Task item
Print out the entries that follow exactly, missing none.

Input material
----------------------------------------
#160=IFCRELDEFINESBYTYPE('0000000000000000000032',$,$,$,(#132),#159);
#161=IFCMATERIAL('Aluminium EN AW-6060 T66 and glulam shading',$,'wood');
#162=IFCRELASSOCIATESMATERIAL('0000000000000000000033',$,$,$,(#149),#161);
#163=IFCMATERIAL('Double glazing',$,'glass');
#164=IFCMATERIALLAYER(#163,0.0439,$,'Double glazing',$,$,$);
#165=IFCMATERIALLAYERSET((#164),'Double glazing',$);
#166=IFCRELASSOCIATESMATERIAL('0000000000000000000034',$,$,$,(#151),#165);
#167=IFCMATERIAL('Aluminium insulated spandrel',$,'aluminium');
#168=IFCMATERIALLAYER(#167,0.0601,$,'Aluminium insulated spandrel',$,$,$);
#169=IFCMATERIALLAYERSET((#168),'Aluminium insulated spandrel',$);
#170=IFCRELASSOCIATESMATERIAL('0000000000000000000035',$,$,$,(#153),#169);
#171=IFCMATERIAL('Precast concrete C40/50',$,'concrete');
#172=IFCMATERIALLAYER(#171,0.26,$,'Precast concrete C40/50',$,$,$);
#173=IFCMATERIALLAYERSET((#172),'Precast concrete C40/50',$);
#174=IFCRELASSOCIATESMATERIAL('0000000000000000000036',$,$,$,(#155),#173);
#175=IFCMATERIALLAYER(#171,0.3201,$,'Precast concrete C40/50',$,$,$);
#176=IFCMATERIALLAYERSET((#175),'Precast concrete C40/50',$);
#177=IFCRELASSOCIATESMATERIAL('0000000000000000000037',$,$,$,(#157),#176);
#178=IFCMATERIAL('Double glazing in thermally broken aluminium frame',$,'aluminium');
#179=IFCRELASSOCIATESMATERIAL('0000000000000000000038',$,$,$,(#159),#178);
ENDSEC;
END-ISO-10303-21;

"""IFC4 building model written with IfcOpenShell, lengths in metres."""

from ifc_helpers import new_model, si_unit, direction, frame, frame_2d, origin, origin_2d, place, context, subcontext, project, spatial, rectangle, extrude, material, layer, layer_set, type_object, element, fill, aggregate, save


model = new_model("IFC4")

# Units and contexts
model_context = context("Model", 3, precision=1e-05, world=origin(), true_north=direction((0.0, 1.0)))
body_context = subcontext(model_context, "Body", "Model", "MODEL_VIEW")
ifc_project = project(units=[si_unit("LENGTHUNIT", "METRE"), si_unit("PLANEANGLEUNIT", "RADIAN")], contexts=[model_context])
----------------------------------------
Task output
#160=IFCRELDEFINESBYTYPE('0000000000000000000032',$,$,$,(#132),#159);
#161=IFCMATERIAL('Aluminium EN AW-6060 T66 and glulam shading',$,'wood');
#162=IFCRELASSOCIATESMATERIAL('0000000000000000000033',$,$,$,(#149),#161);
#163=IFCMATERIAL('Double glazing',$,'glass');
#164=IFCMATERIALLAYER(#163,0.0439,$,'Double glazing',$,$,$);
#165=IFCMATERIALLAYERSET((#164),'Double glazing',$);
#166=IFCRELASSOCIATESMATERIAL('0000000000000000000034',$,$,$,(#151),#165);
#167=IFCMATERIAL('Aluminium insulated spandrel',$,'aluminium');
#168=IFCMATERIALLAYER(#167,0.0601,$,'Aluminium insulated spandrel',$,$,$);
#169=IFCMATERIALLAYERSET((#168),'Aluminium insulated spandrel',$);
#170=IFCRELASSOCIATESMATERIAL('0000000000000000000035',$,$,$,(#153),#169);
#171=IFCMATERIAL('Precast concrete C40/50',$,'concrete');
#172=IFCMATERIALLAYER(#171,0.26,$,'Precast concrete C40/50',$,$,$);
#173=IFCMATERIALLAYERSET((#172),'Precast concrete C40/50',$);
#174=IFCRELASSOCIATESMATERIAL('0000000000000000000036',$,$,$,(#155),#173);
#175=IFCMATERIALLAYER(#171,0.3201,$,'Precast concrete C40/50',$,$,$);
#176=IFCMATERIALLAYERSET((#175),'Precast concrete C40/50',$);
#177=IFCRELASSOCIATESMATERIAL('0000000000000000000037',$,$,$,(#157),#176);
#178=IFCMATERIAL('Double glazing in thermally broken aluminium frame',$,'aluminium');
#179=IFCRELASSOCIATESMATERIAL('0000000000000000000038',$,$,$,(#159),#178);
ENDSEC;
END-ISO-10303-21;

"""IFC4 building model written with IfcOpenShell, lengths in metres."""

from ifc_helpers import new_model, si_unit, direction, frame, frame_2d, origin, origin_2d, place, context, subcontext, project, spatial, rectangle, extrude, material, layer, layer_set, type_object, element, fill, aggregate, save


model = new_model("IFC4")

# Units and contexts
model_context = context("Model", 3, precision=1e-05, world=origin(), true_north=direction((0.0, 1.0)))
body_context = subcontext(model_context, "Body", "Model", "MODEL_VIEW")
ifc_project = project(units=[si_unit("LENGTHUNIT", "METRE"), si_unit("PLANEANGLEUNIT", "RADIAN")], contexts=[model_context])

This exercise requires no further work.